**Goal of the exercise:** Using the listing below, retype exactly the lines starting at the one with "building model written" and ending at the one with "frame((0.0, 0.0, 6.0)))", and include both.

**Available data:**
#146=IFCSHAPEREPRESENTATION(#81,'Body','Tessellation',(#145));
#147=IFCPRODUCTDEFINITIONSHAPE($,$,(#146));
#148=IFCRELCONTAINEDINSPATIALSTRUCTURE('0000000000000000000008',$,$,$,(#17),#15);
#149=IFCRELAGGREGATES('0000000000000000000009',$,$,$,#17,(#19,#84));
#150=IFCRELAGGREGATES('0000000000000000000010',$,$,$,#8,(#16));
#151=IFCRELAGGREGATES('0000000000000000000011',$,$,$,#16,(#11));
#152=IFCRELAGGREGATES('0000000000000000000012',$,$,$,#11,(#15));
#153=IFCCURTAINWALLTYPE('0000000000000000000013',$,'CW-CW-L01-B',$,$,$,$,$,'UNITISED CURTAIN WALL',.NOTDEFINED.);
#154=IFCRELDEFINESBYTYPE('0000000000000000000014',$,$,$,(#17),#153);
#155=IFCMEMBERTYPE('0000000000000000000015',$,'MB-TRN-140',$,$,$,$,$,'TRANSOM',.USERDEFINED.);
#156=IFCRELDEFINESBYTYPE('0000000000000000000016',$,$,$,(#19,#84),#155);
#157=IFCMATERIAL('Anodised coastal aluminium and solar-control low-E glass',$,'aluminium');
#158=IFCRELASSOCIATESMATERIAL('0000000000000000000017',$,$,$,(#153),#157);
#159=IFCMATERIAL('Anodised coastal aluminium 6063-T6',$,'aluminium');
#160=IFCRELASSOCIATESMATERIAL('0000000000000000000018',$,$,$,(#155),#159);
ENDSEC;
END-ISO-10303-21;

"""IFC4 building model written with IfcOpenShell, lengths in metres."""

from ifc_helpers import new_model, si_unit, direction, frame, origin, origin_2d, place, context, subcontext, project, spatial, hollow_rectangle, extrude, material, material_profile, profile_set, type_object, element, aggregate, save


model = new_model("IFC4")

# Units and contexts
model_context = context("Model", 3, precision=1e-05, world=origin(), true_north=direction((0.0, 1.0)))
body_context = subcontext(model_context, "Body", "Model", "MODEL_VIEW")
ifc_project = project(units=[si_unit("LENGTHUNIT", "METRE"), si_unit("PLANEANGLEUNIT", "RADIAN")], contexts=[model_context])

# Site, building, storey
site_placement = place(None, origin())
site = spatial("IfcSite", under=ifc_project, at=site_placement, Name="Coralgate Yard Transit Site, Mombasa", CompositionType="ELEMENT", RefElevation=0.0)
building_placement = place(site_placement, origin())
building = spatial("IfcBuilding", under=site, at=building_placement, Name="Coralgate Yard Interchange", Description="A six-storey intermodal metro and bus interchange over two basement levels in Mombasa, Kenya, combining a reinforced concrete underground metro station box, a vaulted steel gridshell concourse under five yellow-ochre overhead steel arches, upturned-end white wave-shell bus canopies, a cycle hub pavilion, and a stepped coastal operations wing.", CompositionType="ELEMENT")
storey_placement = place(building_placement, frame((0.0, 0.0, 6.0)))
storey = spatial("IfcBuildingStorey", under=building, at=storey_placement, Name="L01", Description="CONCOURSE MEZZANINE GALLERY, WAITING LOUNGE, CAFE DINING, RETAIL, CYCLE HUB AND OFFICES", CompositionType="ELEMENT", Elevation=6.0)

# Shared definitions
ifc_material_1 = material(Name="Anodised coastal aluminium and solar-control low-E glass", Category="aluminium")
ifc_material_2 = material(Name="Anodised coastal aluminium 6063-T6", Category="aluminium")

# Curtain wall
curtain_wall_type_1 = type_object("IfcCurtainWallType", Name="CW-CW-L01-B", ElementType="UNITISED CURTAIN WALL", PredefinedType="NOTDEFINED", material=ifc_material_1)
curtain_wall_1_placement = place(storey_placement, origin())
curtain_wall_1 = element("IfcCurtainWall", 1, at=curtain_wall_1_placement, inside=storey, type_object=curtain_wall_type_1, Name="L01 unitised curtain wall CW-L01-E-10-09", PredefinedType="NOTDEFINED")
...
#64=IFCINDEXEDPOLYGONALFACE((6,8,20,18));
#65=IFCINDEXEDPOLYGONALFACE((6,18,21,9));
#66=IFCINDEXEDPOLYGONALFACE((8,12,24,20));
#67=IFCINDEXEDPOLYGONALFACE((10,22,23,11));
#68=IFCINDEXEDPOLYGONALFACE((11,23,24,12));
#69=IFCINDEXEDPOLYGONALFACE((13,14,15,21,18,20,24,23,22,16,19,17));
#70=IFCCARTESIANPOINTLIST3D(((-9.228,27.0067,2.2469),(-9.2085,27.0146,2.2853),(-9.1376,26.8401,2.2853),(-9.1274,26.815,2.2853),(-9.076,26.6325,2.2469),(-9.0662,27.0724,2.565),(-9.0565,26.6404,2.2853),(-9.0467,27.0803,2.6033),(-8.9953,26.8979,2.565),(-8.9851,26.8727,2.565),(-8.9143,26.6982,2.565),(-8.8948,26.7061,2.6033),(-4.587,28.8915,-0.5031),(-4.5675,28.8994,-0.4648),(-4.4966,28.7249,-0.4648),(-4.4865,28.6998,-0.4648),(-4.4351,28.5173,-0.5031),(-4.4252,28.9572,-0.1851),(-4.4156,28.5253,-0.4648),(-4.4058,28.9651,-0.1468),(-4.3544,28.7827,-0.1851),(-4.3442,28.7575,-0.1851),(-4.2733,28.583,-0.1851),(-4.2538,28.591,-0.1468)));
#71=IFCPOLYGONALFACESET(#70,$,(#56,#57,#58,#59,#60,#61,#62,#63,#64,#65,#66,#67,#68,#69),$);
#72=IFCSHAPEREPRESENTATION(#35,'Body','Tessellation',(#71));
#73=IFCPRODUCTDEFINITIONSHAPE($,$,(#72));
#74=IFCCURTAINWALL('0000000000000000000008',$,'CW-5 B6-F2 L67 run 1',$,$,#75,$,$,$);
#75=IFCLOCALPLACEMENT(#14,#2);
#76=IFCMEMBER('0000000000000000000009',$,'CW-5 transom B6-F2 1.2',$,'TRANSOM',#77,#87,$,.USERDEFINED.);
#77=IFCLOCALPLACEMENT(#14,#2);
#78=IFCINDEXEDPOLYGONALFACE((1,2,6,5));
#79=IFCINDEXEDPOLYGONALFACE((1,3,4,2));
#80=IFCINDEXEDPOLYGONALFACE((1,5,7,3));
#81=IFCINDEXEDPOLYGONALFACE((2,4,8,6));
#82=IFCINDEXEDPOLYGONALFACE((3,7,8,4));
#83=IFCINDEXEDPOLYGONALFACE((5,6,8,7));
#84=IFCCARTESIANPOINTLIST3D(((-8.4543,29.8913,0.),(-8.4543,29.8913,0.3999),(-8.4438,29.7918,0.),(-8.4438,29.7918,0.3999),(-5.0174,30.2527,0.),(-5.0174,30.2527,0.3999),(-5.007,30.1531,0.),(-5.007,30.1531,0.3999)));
...
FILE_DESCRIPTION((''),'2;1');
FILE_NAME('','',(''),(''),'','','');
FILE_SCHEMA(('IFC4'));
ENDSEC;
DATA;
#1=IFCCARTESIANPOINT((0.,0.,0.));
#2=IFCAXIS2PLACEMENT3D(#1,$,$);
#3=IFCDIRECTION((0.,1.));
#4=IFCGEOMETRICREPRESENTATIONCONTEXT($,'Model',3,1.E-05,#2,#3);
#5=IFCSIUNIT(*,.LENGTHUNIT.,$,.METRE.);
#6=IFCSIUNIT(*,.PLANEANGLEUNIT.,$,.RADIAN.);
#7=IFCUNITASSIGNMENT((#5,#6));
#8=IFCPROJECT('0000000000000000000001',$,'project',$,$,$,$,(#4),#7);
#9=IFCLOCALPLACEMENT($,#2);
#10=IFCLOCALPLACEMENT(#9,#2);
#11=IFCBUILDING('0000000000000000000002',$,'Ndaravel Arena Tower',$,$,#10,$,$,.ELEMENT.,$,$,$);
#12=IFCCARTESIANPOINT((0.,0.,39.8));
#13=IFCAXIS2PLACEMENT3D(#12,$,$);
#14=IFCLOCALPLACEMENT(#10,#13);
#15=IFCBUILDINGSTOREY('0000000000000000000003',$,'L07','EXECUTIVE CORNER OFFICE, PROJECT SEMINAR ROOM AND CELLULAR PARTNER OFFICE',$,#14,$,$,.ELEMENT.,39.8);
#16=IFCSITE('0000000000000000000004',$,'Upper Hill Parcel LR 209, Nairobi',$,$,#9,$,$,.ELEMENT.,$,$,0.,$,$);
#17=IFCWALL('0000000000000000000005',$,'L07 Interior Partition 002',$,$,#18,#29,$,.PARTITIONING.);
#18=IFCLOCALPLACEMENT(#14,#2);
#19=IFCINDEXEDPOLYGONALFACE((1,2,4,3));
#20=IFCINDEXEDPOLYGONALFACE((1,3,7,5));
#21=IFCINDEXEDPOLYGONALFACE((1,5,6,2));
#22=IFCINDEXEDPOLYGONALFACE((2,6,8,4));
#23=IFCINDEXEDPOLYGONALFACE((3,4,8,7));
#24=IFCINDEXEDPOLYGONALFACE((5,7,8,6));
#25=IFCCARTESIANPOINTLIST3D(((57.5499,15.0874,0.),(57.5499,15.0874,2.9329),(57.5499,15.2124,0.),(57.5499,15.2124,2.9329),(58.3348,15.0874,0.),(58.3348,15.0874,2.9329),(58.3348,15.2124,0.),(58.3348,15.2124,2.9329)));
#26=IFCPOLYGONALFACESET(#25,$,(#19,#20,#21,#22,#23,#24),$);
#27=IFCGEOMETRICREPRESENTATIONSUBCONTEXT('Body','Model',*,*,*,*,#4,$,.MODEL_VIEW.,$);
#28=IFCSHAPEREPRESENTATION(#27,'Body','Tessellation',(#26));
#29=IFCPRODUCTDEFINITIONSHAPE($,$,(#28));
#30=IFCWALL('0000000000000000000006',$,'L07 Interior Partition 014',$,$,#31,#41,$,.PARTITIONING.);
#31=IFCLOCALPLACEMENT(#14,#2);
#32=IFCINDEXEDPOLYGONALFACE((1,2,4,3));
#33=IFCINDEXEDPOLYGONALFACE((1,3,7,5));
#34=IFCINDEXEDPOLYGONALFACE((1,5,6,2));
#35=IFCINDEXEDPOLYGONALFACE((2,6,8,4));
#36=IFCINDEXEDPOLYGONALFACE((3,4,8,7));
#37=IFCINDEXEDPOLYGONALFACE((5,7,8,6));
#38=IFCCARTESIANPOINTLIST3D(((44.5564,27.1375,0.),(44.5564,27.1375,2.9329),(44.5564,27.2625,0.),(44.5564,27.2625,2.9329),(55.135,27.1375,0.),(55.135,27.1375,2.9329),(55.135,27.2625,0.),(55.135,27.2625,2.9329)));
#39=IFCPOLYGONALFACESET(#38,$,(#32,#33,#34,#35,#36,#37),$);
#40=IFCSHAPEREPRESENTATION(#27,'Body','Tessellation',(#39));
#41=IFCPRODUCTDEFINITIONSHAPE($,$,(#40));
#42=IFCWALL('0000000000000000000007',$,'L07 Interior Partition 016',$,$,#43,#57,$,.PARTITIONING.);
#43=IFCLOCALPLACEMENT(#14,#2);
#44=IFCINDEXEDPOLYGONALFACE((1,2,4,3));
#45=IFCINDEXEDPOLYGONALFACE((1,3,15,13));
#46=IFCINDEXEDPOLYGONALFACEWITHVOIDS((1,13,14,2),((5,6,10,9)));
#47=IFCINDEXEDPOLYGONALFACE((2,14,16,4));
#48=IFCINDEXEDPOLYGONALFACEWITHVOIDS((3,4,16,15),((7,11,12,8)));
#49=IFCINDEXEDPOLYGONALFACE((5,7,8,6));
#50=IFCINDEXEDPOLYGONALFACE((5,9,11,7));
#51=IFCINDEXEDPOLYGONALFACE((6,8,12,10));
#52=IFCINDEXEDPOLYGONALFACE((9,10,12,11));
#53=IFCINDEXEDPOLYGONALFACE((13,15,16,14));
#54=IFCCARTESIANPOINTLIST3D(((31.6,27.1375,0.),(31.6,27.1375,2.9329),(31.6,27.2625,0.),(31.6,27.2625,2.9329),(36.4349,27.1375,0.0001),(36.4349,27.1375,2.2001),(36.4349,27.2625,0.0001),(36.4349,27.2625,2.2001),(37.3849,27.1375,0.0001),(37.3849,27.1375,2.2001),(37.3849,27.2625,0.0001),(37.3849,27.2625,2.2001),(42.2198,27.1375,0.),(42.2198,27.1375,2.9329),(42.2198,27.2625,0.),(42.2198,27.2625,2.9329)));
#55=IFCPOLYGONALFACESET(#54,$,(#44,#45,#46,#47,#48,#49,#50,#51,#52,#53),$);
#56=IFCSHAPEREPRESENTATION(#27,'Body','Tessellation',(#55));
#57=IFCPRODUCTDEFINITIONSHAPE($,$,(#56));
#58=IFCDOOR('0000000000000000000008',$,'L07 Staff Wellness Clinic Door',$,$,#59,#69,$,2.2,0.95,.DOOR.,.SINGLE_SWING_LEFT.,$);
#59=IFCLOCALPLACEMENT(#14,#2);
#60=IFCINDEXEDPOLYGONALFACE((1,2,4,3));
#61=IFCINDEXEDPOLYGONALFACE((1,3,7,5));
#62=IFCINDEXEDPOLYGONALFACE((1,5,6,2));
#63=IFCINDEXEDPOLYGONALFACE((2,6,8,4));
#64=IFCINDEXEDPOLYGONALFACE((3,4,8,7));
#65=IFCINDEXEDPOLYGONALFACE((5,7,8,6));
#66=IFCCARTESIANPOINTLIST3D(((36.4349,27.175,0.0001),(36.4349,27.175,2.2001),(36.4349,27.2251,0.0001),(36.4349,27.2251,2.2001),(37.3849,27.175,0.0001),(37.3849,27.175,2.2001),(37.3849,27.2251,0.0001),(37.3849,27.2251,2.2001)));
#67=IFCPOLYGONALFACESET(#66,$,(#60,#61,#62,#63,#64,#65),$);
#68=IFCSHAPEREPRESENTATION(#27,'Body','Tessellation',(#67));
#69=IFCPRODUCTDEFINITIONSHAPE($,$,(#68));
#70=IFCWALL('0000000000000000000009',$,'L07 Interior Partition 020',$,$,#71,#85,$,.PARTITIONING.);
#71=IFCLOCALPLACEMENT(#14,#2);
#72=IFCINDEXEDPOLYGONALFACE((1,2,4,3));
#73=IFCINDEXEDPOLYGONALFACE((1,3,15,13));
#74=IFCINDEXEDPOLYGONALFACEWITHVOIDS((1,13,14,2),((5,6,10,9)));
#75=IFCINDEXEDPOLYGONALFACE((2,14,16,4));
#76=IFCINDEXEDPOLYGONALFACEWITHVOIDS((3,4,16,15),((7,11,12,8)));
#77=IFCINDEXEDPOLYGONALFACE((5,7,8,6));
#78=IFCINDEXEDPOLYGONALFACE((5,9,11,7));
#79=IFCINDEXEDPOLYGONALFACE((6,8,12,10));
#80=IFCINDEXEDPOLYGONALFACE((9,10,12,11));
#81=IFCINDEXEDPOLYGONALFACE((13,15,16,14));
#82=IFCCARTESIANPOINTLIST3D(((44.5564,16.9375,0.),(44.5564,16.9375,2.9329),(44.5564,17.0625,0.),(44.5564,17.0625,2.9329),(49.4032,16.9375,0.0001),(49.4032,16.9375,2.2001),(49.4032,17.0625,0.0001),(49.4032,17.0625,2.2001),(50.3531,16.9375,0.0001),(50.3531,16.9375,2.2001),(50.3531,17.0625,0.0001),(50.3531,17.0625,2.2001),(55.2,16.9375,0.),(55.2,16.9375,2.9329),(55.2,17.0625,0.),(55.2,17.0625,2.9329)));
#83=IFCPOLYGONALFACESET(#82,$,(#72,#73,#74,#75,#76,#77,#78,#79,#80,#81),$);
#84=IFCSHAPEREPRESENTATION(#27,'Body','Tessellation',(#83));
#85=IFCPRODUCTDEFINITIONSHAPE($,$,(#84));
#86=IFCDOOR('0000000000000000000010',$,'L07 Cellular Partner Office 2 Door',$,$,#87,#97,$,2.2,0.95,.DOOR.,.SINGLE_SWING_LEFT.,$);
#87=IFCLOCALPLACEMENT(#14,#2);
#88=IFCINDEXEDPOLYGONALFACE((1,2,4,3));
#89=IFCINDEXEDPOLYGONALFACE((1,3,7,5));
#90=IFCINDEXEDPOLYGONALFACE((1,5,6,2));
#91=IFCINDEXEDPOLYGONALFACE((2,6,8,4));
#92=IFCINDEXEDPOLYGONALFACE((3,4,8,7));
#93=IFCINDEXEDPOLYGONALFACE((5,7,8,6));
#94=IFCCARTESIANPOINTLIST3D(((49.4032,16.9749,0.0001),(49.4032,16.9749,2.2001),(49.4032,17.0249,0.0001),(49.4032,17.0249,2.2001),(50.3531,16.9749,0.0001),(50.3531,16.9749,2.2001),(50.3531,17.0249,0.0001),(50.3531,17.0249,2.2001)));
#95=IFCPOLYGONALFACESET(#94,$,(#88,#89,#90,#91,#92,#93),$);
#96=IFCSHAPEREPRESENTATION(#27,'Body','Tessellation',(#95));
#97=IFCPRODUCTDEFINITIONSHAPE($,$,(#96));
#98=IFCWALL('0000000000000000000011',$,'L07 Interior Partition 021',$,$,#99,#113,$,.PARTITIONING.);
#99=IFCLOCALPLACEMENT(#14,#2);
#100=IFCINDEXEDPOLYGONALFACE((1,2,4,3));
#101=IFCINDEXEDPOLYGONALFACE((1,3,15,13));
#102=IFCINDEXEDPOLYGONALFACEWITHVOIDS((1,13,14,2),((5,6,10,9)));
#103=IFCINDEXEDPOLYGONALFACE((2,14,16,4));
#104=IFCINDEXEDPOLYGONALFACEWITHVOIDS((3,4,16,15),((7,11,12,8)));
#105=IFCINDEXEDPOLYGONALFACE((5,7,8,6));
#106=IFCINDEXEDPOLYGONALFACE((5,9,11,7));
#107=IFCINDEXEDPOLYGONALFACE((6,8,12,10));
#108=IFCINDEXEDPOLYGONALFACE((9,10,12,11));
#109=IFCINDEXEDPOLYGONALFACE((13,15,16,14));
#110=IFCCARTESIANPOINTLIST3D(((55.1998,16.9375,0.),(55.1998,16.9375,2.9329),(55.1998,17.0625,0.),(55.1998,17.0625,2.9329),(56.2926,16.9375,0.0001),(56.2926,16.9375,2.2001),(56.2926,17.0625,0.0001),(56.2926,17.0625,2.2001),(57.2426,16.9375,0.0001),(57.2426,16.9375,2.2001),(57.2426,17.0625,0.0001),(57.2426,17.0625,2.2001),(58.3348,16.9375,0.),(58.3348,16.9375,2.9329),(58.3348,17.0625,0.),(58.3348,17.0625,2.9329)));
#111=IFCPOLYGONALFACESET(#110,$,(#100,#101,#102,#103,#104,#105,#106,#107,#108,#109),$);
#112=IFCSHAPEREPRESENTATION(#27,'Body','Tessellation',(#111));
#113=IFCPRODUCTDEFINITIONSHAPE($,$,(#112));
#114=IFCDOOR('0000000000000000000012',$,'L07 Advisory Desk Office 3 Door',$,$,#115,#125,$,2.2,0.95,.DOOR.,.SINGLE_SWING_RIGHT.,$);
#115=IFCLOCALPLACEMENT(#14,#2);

**Reply:**
"""IFC4 building model written with IfcOpenShell, lengths in metres."""

from ifc_helpers import new_model, si_unit, direction, frame, origin, origin_2d, place, context, subcontext, project, spatial, hollow_rectangle, extrude, material, material_profile, profile_set, type_object, element, aggregate, save


model = new_model("IFC4")

# Units and contexts
model_context = context("Model", 3, precision=1e-05, world=origin(), true_north=direction((0.0, 1.0)))
body_context = subcontext(model_context, "Body", "Model", "MODEL_VIEW")
ifc_project = project(units=[si_unit("LENGTHUNIT", "METRE"), si_unit("PLANEANGLEUNIT", "RADIAN")], contexts=[model_context])

# Site, building, storey
site_placement = place(None, origin())
site = spatial("IfcSite", under=ifc_project, at=site_placement, Name="Coralgate Yard Transit Site, Mombasa", CompositionType="ELEMENT", RefElevation=0.0)
building_placement = place(site_placement, origin())
building = spatial("IfcBuilding", under=site, at=building_placement, Name="Coralgate Yard Interchange", Description="A six-storey intermodal metro and bus interchange over two basement levels in Mombasa, Kenya, combining a reinforced concrete underground metro station box, a vaulted steel gridshell concourse under five yellow-ochre overhead steel arches, upturned-end white wave-shell bus canopies, a cycle hub pavilion, and a stepped coastal operations wing.", CompositionType="ELEMENT")
storey_placement = place(building_placement, frame((0.0, 0.0, 6.0)))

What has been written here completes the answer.